== Requirement ==
From the line with "#119=IFCMATERIALLAYER(#118,0.2,$,$,$,$,$);" through the line with "END-ISO-10303-21;", inclusive, return each line of the data below exactly and leave the rest out.

══ Exercise inputs ══

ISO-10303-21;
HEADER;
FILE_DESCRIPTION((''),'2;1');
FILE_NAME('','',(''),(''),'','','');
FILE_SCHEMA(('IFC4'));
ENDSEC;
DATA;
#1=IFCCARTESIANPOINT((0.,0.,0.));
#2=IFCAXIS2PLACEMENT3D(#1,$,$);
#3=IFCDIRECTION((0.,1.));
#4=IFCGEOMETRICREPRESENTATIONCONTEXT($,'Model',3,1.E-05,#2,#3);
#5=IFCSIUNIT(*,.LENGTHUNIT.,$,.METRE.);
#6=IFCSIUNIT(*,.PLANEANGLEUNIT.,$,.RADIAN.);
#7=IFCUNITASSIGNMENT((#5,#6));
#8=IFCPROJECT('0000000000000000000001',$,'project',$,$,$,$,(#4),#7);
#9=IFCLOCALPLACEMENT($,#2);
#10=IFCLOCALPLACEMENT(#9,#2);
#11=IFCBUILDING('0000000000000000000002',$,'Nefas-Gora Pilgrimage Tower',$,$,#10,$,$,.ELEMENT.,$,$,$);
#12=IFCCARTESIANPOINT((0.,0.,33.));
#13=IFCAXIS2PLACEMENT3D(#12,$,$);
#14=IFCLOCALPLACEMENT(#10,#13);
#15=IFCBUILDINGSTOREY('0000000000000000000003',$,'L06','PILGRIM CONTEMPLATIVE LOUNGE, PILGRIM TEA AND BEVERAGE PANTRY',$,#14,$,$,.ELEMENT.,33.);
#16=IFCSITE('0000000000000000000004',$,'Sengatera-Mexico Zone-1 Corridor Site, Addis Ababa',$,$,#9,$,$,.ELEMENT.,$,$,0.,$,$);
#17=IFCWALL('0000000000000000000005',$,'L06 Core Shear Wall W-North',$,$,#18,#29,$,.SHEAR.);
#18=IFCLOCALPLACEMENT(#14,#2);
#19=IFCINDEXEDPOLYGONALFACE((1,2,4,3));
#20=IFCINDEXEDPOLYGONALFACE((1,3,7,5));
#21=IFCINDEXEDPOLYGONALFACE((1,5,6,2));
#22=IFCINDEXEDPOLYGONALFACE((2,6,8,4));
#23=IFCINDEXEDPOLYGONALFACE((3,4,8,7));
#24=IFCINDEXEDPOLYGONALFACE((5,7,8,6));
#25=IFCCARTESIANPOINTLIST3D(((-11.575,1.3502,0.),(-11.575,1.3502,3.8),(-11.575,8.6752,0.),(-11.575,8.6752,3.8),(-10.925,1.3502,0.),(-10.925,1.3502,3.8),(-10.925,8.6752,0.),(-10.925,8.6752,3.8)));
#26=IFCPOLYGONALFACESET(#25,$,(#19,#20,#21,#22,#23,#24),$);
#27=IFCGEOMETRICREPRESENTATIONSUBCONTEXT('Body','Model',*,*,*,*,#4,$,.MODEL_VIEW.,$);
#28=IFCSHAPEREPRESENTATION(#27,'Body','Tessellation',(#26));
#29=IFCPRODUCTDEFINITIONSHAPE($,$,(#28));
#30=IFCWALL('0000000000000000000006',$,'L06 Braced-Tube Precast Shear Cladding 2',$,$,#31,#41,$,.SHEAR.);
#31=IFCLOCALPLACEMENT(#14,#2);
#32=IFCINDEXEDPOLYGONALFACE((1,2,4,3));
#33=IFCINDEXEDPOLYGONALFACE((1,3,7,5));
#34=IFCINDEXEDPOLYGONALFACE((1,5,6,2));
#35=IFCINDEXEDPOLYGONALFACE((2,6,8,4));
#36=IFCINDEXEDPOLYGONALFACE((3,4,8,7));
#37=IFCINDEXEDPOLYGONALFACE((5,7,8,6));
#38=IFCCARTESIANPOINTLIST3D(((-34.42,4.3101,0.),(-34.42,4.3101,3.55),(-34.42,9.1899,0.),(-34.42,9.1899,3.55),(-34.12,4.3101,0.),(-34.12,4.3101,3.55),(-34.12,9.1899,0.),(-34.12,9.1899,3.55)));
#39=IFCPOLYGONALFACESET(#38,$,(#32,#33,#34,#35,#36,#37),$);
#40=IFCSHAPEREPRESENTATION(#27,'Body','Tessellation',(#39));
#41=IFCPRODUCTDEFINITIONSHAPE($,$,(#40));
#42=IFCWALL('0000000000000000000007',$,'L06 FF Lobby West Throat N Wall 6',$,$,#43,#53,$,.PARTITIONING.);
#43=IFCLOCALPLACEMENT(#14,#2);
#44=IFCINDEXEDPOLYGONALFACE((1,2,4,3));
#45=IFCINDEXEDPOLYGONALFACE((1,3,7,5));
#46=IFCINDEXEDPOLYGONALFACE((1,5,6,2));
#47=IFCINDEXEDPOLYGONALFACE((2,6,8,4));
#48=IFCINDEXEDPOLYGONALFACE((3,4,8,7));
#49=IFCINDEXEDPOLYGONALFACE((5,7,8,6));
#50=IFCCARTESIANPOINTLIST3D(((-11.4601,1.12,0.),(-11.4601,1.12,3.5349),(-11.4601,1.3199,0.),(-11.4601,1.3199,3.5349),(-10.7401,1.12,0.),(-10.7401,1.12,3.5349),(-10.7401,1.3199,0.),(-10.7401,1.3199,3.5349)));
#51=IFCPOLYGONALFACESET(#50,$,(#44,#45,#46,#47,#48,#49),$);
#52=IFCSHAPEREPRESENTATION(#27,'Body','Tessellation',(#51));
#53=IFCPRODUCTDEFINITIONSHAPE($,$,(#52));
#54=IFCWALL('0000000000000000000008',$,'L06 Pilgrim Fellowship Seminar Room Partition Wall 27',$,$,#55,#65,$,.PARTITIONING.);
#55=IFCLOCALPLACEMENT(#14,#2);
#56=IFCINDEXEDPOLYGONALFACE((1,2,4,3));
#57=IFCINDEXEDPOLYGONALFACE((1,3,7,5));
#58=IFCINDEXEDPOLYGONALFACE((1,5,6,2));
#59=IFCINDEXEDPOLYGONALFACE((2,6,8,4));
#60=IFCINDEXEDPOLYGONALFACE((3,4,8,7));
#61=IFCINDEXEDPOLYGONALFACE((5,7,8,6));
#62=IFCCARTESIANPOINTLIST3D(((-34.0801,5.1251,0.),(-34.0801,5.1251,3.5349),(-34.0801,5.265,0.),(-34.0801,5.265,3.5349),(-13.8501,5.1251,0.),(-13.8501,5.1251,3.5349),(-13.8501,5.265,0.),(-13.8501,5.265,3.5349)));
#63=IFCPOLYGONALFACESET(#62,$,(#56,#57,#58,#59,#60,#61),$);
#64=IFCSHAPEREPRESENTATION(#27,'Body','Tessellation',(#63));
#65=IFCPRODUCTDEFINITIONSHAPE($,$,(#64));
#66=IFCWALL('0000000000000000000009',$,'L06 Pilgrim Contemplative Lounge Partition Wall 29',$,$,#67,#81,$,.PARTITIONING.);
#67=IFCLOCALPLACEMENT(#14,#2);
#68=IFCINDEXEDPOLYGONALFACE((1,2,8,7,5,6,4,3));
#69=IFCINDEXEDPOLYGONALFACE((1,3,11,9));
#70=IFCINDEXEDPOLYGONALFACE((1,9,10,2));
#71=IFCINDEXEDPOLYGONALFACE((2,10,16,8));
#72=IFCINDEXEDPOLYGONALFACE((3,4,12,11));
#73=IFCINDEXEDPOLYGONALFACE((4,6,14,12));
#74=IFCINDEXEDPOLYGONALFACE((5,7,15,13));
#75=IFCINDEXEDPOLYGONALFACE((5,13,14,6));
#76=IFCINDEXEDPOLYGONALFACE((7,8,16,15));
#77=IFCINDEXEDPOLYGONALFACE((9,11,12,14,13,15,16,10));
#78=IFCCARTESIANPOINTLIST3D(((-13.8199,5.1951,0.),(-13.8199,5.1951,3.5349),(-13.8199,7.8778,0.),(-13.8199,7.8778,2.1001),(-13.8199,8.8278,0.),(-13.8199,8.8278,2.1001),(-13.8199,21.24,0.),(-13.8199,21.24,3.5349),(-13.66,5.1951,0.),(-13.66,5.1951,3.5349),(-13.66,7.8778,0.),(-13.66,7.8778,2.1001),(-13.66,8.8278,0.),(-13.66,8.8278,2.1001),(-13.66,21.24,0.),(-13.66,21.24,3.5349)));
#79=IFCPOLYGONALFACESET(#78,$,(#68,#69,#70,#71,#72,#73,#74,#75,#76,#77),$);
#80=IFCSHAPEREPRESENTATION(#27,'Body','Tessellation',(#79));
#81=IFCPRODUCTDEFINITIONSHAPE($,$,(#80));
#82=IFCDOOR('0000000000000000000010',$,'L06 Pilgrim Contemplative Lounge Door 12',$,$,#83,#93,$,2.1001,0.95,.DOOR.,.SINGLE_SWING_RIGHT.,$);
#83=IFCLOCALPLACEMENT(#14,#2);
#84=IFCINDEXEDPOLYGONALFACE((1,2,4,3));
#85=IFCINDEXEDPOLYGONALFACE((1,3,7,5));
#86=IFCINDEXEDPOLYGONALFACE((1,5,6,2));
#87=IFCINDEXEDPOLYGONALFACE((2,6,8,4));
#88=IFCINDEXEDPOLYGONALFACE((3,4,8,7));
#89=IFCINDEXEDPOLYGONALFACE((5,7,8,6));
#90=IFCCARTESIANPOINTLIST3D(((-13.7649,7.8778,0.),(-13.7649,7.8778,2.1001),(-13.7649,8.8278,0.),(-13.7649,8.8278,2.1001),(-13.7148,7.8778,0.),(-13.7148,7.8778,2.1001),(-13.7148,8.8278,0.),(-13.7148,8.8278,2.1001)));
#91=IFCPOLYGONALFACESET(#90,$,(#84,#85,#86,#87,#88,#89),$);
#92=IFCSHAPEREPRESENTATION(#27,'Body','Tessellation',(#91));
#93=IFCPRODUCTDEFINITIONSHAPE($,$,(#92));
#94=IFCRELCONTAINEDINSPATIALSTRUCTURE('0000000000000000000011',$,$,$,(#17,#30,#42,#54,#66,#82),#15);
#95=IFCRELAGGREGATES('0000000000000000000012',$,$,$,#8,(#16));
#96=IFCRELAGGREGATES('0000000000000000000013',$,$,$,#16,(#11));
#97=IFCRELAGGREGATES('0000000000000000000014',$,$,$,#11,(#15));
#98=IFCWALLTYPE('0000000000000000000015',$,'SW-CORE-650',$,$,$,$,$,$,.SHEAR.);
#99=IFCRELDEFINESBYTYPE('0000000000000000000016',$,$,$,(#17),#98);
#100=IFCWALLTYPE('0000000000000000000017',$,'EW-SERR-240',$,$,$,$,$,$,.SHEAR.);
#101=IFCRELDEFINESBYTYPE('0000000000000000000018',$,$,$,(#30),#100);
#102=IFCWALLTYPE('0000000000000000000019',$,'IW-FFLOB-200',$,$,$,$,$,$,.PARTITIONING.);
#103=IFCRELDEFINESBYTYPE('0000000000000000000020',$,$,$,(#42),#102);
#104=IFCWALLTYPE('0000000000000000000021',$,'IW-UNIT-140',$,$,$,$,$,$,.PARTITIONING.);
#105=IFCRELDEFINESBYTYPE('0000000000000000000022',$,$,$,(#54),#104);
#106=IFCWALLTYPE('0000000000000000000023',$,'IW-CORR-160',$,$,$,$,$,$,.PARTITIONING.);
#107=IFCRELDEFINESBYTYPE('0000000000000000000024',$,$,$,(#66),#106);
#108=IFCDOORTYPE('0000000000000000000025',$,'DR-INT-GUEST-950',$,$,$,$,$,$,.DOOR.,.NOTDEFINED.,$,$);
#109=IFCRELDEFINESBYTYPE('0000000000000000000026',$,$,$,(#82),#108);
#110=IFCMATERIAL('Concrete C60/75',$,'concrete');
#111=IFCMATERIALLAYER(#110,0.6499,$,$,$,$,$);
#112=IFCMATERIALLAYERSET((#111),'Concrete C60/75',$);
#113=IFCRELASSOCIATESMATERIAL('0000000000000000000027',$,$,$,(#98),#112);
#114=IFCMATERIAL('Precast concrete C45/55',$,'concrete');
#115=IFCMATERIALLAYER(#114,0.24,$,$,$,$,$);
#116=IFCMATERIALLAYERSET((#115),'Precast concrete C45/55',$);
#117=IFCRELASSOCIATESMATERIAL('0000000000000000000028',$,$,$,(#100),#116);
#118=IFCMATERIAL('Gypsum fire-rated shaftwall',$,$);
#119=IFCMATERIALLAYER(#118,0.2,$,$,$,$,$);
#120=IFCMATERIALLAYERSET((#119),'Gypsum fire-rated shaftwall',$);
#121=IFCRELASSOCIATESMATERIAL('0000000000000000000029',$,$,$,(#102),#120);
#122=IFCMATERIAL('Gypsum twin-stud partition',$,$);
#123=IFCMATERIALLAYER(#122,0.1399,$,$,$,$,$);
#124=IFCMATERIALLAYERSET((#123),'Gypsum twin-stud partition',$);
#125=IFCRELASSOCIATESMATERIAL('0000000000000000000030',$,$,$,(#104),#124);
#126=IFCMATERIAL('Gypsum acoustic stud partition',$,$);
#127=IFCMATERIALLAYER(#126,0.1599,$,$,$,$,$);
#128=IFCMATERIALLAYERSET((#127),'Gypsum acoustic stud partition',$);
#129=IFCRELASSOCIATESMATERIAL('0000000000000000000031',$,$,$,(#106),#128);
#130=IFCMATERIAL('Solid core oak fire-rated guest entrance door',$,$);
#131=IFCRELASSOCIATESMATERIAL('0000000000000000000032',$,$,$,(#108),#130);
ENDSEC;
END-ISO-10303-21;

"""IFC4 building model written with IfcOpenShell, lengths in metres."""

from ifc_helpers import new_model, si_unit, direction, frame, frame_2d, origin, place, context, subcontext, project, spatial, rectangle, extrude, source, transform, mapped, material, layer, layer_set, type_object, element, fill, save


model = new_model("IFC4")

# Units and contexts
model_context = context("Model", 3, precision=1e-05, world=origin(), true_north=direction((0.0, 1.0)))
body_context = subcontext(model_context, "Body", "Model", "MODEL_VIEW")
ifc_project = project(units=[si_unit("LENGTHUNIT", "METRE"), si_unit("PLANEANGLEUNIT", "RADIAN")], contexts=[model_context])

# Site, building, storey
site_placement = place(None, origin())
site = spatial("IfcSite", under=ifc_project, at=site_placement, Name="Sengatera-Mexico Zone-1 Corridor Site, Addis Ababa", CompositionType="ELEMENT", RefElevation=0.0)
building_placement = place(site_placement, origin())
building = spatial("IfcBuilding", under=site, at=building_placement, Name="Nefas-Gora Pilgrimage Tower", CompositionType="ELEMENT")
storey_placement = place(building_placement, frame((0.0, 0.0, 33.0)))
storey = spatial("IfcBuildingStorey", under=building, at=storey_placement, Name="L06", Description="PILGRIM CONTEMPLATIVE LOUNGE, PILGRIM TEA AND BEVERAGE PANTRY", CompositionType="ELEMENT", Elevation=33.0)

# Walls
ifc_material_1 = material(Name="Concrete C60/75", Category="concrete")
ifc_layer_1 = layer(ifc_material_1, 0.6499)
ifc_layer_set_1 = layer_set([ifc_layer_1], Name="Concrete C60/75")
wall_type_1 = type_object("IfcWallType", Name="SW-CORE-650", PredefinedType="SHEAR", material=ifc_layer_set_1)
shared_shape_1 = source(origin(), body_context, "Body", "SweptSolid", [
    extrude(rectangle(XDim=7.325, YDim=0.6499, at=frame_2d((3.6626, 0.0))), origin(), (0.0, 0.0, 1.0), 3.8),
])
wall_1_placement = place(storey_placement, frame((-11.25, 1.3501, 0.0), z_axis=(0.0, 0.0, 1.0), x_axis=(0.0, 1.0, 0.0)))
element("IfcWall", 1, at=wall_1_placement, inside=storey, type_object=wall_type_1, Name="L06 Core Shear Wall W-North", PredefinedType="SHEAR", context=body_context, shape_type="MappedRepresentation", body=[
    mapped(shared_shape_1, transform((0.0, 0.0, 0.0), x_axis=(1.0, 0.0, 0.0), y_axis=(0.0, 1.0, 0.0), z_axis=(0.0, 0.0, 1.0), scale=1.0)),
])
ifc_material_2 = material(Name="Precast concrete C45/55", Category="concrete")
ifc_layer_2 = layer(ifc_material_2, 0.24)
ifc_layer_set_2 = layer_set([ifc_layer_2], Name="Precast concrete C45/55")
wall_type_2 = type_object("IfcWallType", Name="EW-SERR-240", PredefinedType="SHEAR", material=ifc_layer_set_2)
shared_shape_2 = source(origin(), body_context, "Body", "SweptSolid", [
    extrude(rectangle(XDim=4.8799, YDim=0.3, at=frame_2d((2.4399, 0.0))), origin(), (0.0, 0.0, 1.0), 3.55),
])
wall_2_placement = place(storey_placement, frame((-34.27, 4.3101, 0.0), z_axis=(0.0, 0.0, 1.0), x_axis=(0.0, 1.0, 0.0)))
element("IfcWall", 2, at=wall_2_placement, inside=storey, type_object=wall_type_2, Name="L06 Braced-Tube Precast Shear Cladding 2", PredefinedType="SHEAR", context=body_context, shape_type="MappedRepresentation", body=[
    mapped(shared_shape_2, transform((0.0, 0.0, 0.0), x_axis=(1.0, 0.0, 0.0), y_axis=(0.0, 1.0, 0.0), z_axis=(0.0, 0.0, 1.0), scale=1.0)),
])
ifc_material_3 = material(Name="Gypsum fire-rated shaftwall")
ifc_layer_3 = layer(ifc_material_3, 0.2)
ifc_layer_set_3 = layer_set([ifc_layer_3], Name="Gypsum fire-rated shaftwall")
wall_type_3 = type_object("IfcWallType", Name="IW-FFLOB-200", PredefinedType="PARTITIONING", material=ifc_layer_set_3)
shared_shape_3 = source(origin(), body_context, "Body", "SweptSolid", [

═══

== Reply to the task ==
#119=IFCMATERIALLAYER(#118,0.2,$,$,$,$,$);
#120=IFCMATERIALLAYERSET((#119),'Gypsum fire-rated shaftwall',$);
#121=IFCRELASSOCIATESMATERIAL('0000000000000000000029',$,$,$,(#102),#120);
#122=IFCMATERIAL('Gypsum twin-stud partition',$,$);
#123=IFCMATERIALLAYER(#122,0.1399,$,$,$,$,$);
#124=IFCMATERIALLAYERSET((#123),'Gypsum twin-stud partition',$);
#125=IFCRELASSOCIATESMATERIAL('0000000000000000000030',$,$,$,(#104),#124);
#126=IFCMATERIAL('Gypsum acoustic stud partition',$,$);
#127=IFCMATERIALLAYER(#126,0.1599,$,$,$,$,$);
#128=IFCMATERIALLAYERSET((#127),'Gypsum acoustic stud partition',$);
#129=IFCRELASSOCIATESMATERIAL('0000000000000000000031',$,$,$,(#106),#128);
#130=IFCMATERIAL('Solid core oak fire-rated guest entrance door',$,$);
#131=IFCRELASSOCIATESMATERIAL('0000000000000000000032',$,$,$,(#108),#130);
ENDSEC;
END-ISO-10303-21;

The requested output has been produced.